INPUT FOR THIS TASK section start

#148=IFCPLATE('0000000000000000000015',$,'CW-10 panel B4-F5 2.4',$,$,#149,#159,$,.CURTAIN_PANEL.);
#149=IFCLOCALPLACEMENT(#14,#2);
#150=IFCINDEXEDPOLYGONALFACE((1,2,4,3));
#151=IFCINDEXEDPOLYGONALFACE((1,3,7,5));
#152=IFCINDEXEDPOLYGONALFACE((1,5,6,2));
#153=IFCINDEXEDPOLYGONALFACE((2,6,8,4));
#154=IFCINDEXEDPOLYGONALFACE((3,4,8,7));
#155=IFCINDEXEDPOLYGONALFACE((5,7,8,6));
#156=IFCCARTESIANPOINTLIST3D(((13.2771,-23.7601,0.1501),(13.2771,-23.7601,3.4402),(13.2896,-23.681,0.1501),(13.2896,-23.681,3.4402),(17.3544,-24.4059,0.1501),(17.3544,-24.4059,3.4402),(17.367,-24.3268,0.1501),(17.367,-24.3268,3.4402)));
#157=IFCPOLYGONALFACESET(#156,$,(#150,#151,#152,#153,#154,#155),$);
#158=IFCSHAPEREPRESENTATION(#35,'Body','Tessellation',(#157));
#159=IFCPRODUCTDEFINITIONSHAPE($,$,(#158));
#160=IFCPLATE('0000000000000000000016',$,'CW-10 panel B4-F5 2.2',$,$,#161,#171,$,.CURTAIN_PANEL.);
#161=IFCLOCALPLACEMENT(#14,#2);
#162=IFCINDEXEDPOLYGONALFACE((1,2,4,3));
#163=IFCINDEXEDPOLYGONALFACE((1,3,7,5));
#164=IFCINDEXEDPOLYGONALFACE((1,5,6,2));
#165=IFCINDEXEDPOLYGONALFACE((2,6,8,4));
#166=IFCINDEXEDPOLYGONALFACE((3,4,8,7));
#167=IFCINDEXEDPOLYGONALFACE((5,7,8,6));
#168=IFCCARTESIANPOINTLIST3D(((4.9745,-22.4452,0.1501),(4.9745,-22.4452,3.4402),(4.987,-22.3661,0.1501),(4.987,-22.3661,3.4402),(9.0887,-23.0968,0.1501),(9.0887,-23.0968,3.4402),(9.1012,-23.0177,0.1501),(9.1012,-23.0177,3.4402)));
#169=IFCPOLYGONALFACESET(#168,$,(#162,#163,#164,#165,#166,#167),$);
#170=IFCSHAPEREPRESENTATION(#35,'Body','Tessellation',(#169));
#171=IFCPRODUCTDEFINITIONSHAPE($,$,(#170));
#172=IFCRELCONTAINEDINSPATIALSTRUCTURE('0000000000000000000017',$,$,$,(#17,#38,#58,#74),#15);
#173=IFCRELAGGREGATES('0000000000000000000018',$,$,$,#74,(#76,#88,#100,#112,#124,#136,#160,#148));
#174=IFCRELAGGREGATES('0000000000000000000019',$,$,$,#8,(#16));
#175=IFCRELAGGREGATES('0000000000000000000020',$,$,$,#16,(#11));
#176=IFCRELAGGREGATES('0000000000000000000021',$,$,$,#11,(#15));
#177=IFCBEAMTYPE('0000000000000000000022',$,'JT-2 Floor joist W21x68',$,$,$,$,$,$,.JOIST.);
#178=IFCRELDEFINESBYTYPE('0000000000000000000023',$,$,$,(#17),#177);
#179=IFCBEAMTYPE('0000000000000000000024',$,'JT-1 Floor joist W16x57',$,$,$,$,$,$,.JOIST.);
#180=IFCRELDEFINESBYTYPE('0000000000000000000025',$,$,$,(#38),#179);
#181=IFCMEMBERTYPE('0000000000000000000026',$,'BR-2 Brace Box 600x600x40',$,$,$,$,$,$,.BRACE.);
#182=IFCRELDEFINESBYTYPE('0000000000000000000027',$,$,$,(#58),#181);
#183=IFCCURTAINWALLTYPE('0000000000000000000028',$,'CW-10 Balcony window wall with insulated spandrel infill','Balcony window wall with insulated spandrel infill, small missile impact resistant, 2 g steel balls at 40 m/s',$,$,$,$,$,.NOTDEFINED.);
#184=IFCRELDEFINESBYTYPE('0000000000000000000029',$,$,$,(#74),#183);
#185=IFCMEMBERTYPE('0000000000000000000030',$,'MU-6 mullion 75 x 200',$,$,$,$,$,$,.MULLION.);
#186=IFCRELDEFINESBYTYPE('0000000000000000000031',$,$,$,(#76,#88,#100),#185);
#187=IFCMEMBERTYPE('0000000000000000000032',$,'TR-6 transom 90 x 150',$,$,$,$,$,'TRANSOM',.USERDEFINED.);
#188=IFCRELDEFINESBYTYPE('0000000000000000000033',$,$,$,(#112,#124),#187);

INPUT FOR THIS TASK section end

* WORK TO BE COMPLETED
Restate word for word each line of the data from the one with "#181=IFCMEMBERTYPE('0000000000000000000026',$,'BR-2 Brace Box" to the last, keeping both ends.

* FINISHED TASK
#181=IFCMEMBERTYPE('0000000000000000000026',$,'BR-2 Brace Box 600x600x40',$,$,$,$,$,$,.BRACE.);
#182=IFCRELDEFINESBYTYPE('0000000000000000000027',$,$,$,(#58),#181);
#183=IFCCURTAINWALLTYPE('0000000000000000000028',$,'CW-10 Balcony window wall with insulated spandrel infill','Balcony window wall with insulated spandrel infill, small missile impact resistant, 2 g steel balls at 40 m/s',$,$,$,$,$,.NOTDEFINED.);
#184=IFCRELDEFINESBYTYPE('0000000000000000000029',$,$,$,(#74),#183);
#185=IFCMEMBERTYPE('0000000000000000000030',$,'MU-6 mullion 75 x 200',$,$,$,$,$,$,.MULLION.);
#186=IFCRELDEFINESBYTYPE('0000000000000000000031',$,$,$,(#76,#88,#100),#185);
#187=IFCMEMBERTYPE('0000000000000000000032',$,'TR-6 transom 90 x 150',$,$,$,$,$,'TRANSOM',.USERDEFINED.);
#188=IFCRELDEFINESBYTYPE('0000000000000000000033',$,$,$,(#112,#124),#187);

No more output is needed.